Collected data
+===+

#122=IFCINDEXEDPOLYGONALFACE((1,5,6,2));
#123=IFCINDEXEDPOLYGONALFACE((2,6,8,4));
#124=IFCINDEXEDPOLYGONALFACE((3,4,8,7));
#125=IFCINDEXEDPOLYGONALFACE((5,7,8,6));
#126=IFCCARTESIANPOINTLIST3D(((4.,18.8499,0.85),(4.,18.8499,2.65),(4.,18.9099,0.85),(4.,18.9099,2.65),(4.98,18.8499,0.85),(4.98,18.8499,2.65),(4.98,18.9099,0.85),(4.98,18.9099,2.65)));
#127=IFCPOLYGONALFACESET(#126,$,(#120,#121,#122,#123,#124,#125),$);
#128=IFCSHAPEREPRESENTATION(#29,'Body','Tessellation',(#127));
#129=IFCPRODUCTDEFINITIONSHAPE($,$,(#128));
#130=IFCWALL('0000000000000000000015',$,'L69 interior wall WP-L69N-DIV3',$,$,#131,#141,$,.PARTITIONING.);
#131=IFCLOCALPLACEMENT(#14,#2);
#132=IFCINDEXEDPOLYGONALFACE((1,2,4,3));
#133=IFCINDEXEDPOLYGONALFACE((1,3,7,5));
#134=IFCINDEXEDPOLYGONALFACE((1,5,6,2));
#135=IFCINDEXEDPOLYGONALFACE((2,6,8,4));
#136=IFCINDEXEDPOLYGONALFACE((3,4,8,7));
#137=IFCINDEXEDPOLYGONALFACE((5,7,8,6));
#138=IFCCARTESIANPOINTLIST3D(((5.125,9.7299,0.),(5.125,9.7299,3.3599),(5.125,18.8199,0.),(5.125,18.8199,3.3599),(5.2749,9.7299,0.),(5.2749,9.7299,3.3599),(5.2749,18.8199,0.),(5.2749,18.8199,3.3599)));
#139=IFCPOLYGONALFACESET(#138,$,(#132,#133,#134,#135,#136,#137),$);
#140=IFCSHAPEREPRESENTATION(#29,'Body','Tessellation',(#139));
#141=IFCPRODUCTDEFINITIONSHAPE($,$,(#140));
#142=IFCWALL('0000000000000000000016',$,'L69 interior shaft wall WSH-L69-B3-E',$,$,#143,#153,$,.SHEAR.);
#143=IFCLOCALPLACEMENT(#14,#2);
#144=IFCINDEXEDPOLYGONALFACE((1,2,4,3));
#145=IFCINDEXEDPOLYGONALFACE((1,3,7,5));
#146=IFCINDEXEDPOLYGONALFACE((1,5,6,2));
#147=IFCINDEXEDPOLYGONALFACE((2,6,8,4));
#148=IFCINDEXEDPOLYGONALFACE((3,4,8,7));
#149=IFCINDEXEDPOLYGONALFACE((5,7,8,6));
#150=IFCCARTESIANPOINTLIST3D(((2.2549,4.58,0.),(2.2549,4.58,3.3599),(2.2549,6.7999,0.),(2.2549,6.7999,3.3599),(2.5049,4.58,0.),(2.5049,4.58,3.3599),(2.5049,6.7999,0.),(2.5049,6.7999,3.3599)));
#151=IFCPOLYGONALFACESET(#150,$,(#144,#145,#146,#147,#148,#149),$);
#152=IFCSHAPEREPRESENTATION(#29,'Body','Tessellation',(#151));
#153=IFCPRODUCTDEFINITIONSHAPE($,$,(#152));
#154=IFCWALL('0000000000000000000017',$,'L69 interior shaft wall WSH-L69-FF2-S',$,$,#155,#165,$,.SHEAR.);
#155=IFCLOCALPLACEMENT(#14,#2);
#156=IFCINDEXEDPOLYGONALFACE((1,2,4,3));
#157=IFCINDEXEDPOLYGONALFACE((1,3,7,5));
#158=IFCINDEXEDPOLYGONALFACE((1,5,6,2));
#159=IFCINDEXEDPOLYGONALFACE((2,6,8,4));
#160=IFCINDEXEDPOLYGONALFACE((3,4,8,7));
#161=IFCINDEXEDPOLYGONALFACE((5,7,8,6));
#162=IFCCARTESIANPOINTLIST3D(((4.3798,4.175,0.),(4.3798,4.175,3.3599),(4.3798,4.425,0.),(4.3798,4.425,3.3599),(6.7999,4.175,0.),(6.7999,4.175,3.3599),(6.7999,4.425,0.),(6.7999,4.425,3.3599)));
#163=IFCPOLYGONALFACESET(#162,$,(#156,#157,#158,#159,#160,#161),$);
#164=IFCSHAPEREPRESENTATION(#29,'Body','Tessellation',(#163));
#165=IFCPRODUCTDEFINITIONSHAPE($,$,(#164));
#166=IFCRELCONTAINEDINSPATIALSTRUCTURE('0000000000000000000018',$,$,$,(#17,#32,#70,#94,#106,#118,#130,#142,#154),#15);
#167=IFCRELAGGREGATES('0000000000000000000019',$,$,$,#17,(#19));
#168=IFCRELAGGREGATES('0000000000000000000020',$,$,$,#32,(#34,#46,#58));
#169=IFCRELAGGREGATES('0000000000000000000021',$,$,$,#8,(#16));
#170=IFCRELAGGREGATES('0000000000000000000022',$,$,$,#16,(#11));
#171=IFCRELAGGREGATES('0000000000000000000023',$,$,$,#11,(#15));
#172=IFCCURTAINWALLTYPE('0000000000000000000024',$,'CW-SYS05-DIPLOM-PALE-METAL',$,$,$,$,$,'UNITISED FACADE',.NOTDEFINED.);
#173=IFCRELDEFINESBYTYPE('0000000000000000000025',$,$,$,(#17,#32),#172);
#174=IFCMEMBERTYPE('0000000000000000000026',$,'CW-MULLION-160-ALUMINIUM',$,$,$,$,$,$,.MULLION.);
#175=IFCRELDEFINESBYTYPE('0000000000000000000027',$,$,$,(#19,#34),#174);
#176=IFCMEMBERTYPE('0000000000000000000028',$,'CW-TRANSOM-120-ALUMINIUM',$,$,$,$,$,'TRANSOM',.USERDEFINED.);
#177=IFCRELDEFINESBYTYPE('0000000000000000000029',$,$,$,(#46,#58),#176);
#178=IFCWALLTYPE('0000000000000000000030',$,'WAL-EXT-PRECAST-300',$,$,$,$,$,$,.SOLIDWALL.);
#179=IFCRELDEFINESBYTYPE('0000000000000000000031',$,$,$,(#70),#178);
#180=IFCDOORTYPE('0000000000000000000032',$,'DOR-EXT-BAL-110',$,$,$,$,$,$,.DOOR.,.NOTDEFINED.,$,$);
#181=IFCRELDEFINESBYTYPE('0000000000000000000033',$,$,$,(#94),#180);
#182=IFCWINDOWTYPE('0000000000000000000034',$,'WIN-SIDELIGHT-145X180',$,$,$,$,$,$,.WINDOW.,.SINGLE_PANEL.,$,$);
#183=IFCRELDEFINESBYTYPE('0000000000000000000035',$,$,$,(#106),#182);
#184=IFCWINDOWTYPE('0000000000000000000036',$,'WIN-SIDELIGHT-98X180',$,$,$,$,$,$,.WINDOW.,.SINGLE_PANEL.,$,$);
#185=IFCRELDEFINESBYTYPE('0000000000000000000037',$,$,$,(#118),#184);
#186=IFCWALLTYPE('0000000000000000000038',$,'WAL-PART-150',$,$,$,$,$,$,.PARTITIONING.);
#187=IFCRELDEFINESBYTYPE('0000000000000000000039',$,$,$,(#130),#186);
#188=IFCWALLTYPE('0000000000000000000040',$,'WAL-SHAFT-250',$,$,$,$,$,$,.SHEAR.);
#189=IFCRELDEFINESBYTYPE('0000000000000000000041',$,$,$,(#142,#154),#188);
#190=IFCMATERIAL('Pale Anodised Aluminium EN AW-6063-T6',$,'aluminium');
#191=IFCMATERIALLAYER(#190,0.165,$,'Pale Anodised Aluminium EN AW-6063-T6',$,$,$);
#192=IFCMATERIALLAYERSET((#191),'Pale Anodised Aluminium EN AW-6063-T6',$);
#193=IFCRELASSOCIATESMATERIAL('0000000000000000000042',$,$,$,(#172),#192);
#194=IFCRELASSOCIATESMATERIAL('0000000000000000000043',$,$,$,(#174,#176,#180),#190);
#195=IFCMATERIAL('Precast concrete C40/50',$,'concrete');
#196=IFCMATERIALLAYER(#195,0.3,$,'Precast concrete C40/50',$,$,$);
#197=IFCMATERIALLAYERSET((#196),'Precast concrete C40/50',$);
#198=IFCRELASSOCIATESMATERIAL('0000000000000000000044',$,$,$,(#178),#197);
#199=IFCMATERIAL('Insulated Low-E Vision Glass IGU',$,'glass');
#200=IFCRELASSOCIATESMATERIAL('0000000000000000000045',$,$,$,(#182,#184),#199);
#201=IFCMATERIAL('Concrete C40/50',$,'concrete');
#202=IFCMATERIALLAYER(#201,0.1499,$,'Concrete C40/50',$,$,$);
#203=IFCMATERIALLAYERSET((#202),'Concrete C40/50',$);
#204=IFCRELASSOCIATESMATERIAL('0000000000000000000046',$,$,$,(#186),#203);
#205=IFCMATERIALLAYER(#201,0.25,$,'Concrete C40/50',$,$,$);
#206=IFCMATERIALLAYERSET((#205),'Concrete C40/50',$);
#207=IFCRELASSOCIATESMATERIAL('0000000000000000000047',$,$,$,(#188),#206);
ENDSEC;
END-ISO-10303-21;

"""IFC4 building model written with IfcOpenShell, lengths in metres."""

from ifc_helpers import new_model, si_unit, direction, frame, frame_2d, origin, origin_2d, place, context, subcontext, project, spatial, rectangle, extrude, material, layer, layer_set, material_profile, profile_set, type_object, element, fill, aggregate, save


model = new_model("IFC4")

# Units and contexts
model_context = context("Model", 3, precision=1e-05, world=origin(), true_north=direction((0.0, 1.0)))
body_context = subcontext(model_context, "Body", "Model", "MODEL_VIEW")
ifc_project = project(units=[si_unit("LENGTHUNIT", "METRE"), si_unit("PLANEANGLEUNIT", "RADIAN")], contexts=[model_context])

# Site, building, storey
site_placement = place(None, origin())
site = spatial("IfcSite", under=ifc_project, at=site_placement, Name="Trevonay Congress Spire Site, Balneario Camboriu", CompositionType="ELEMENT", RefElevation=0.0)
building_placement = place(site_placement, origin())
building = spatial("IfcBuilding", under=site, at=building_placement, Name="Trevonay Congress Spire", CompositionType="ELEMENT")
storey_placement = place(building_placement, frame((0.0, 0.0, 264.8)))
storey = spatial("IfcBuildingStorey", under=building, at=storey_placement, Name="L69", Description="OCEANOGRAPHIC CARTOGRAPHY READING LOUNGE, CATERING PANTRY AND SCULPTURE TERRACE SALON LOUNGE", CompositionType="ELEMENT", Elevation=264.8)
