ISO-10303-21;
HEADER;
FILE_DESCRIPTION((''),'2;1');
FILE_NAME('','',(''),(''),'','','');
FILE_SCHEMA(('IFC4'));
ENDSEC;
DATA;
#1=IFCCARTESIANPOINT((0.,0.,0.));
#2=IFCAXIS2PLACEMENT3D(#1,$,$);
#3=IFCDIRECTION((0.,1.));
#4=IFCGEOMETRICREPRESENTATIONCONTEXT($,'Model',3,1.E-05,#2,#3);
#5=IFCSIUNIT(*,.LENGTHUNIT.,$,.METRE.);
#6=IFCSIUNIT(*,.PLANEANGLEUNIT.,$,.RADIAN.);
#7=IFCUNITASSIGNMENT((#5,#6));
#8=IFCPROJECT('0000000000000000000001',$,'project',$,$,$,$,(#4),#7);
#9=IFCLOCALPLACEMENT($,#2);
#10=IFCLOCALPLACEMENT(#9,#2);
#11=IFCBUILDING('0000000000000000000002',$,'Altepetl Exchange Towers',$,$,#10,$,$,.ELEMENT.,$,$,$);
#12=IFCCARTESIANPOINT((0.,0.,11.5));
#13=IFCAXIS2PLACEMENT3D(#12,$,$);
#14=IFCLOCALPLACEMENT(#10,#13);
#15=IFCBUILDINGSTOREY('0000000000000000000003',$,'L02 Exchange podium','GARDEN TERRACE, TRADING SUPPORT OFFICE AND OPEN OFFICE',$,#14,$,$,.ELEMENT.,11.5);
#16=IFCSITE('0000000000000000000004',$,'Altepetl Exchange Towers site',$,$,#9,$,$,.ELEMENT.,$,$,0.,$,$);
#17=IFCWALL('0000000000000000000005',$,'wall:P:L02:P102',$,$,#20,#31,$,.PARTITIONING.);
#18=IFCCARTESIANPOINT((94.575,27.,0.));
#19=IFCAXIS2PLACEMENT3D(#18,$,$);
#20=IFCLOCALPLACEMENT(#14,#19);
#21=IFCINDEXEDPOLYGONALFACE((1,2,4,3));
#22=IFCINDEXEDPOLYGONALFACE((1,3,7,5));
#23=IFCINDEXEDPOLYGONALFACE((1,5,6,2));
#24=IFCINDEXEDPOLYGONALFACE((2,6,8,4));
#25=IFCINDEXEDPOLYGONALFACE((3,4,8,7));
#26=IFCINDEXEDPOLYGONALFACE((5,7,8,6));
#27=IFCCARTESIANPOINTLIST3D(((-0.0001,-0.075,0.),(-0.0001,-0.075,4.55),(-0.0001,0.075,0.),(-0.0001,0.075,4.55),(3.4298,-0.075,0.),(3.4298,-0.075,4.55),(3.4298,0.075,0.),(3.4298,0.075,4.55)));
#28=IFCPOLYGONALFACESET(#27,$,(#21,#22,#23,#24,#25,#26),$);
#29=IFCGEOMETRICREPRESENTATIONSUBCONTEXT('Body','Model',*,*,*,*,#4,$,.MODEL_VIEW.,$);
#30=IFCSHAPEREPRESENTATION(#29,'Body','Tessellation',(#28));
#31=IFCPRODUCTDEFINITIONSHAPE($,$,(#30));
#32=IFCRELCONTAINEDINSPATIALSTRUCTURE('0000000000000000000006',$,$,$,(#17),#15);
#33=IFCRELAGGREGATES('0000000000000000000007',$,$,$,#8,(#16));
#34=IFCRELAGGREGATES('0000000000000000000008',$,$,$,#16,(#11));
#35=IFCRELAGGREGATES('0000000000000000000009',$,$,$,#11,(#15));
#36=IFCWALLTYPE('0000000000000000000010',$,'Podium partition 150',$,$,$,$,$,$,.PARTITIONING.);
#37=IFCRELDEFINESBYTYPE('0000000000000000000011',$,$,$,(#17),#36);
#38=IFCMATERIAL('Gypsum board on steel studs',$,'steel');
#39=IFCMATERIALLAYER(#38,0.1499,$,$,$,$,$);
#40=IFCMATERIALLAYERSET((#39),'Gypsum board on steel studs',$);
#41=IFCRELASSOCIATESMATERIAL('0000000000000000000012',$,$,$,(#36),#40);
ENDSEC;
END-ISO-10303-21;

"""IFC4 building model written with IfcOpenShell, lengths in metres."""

from ifc_helpers import new_model, si_unit, direction, frame, frame_2d, origin, place, context, subcontext, project, spatial, rectangle, extrude, material, layer, layer_set, type_object, element, save


model = new_model("IFC4")

# Units and contexts
model_context = context("Model", 3, precision=1e-05, world=origin(), true_north=direction((0.0, 1.0)))
body_context = subcontext(model_context, "Body", "Model", "MODEL_VIEW")
ifc_project = project(units=[si_unit("LENGTHUNIT", "METRE"), si_unit("PLANEANGLEUNIT", "RADIAN")], contexts=[model_context])

# Site, building, storey
site_placement = place(None, origin())
site = spatial("IfcSite", under=ifc_project, at=site_placement, Name="Altepetl Exchange Towers site", CompositionType="ELEMENT", RefElevation=0.0)
building_placement = place(site_placement, origin())
building = spatial("IfcBuilding", under=site, at=building_placement, Name="Altepetl Exchange Towers", CompositionType="ELEMENT")
storey_placement = place(building_placement, frame((0.0, 0.0, 11.5)))
storey = spatial("IfcBuildingStorey", under=building, at=storey_placement, Name="L02 Exchange podium", Description="GARDEN TERRACE, TRADING SUPPORT OFFICE AND OPEN OFFICE", CompositionType="ELEMENT", Elevation=11.5)

# Shared definitions
ifc_material_1 = material(Name="Gypsum board on steel studs", Category="steel")
ifc_layer_1 = layer(ifc_material_1, 0.1499)
ifc_layer_set_1 = layer_set([ifc_layer_1], Name="Gypsum board on steel studs")
wall_type_1 = type_object("IfcWallType", Name="Podium partition 150", PredefinedType="PARTITIONING", material=ifc_layer_set_1)

# Wall
wall_1_placement = place(storey_placement, frame((94.575, 27.0, 0.0)))
element("IfcWall", 1, at=wall_1_placement, inside=storey, type_object=wall_type_1, Name="wall:P:L02:P102", PredefinedType="PARTITIONING", context=body_context, shape_type="SweptSolid", body=[
    extrude(rectangle(XDim=3.4299, YDim=0.1499, at=frame_2d((1.7148, 0.0))), origin(), (0.0, 0.0, 1.0), 4.55),
])

save(model, "model.ifc")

+===+

* PROBLEM TO SOLVE *
Go through the entries above and copy each line holding the string "IFCSHAPEREPRESENTATION".

* ANSWER FOR THE TASK *
#128=IFCSHAPEREPRESENTATION(#29,'Body','Tessellation',(#127));
#140=IFCSHAPEREPRESENTATION(#29,'Body','Tessellation',(#139));
#152=IFCSHAPEREPRESENTATION(#29,'Body','Tessellation',(#151));
#164=IFCSHAPEREPRESENTATION(#29,'Body','Tessellation',(#163));
#30=IFCSHAPEREPRESENTATION(#29,'Body','Tessellation',(#28));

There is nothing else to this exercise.